= AIM OF THE TASK =
Search the entries for the word "IFCPOLYGONALFACESET". Copy every line where it turns up.

Collected data entries:
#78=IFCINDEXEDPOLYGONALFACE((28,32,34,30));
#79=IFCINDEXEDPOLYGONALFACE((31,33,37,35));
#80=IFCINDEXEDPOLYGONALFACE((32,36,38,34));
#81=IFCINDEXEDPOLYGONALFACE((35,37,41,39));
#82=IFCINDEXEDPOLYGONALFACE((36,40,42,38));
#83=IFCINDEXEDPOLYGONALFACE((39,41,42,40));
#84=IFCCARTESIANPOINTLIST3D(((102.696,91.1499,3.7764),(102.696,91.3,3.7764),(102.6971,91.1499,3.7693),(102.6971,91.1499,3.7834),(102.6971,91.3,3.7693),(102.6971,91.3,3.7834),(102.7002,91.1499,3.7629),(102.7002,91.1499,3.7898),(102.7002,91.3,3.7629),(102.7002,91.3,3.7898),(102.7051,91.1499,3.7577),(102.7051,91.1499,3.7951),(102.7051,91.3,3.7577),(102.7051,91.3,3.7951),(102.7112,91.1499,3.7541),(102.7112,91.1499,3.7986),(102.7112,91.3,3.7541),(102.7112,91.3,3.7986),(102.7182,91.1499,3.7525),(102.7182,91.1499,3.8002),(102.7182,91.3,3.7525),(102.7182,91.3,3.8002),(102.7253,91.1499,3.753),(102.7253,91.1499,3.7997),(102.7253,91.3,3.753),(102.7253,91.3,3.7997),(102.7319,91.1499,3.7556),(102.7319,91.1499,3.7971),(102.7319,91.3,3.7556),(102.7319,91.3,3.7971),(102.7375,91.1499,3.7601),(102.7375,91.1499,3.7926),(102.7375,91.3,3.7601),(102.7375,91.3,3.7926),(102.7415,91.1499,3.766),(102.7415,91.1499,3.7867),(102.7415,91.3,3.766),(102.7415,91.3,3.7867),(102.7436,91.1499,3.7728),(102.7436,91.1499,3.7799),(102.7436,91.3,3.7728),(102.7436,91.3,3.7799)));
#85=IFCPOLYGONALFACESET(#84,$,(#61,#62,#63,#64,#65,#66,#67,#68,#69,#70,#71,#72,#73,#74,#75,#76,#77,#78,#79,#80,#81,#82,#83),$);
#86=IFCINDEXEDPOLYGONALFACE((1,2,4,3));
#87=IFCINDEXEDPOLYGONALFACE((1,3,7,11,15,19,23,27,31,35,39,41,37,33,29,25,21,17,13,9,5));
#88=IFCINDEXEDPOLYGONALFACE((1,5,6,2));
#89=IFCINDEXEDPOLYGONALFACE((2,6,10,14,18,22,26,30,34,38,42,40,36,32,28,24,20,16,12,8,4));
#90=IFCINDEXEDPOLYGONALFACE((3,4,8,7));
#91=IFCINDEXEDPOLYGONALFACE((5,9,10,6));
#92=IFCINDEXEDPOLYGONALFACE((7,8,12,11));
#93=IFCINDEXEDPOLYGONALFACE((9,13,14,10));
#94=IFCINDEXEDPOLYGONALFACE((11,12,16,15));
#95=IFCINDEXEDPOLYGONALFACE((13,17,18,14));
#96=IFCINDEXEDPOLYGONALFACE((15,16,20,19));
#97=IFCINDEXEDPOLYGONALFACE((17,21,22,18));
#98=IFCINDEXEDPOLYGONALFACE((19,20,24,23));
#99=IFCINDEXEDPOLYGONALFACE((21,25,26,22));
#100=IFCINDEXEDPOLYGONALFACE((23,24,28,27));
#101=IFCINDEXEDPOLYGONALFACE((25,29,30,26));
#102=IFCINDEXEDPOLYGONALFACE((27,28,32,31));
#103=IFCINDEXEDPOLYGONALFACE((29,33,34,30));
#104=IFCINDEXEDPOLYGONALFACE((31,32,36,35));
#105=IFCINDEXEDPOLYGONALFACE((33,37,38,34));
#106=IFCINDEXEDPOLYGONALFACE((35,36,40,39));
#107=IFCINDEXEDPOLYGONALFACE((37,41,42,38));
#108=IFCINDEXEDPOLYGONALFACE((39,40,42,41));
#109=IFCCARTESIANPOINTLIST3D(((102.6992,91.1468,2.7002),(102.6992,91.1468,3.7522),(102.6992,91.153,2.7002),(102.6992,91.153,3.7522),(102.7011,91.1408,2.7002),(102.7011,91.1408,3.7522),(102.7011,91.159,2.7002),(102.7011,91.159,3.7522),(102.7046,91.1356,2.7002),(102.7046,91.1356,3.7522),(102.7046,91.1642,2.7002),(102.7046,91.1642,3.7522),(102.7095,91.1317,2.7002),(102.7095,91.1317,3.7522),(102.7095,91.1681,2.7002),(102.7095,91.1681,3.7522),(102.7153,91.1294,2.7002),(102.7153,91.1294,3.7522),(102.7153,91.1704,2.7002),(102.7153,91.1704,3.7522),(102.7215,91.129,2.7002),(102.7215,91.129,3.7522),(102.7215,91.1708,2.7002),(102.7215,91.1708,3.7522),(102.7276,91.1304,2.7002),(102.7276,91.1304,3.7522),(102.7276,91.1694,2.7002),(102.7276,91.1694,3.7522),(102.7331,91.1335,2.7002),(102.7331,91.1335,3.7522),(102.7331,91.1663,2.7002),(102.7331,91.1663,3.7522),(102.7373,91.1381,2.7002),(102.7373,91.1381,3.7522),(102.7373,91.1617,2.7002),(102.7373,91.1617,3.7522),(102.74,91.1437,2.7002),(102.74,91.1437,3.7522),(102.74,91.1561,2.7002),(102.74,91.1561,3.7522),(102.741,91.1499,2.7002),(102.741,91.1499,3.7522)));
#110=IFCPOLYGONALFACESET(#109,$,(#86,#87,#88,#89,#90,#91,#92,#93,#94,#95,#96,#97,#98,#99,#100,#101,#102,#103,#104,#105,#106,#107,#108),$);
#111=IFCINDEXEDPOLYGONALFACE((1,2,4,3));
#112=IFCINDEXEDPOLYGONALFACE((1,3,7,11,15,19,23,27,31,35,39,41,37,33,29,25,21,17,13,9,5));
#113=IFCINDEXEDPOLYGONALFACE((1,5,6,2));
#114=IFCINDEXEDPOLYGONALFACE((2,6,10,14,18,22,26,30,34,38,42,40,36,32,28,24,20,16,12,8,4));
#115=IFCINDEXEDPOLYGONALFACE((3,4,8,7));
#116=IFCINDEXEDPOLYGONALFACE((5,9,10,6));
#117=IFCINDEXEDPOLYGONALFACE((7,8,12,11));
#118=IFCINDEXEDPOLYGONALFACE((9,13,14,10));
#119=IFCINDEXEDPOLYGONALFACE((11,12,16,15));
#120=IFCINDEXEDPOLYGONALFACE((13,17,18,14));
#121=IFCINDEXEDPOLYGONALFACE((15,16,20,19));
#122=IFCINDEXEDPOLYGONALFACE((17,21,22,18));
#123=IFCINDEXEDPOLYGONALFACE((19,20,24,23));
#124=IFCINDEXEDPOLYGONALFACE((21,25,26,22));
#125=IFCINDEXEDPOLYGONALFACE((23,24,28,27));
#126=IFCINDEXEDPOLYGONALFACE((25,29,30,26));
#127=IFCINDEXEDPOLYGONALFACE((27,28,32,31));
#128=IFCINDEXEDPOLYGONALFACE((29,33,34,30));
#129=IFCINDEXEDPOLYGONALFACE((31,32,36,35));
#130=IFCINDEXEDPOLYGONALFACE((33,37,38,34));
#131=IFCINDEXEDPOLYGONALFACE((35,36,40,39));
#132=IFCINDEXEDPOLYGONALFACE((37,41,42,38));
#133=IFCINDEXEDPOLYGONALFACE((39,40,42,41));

= ANSWER FOR THIS EXERCISE =
#85=IFCPOLYGONALFACESET(#84,$,(#61,#62,#63,#64,#65,#66,#67,#68,#69,#70,#71,#72,#73,#74,#75,#76,#77,#78,#79,#80,#81,#82,#83),$);
#110=IFCPOLYGONALFACESET(#109,$,(#86,#87,#88,#89,#90,#91,#92,#93,#94,#95,#96,#97,#98,#99,#100,#101,#102,#103,#104,#105,#106,#107,#108),$);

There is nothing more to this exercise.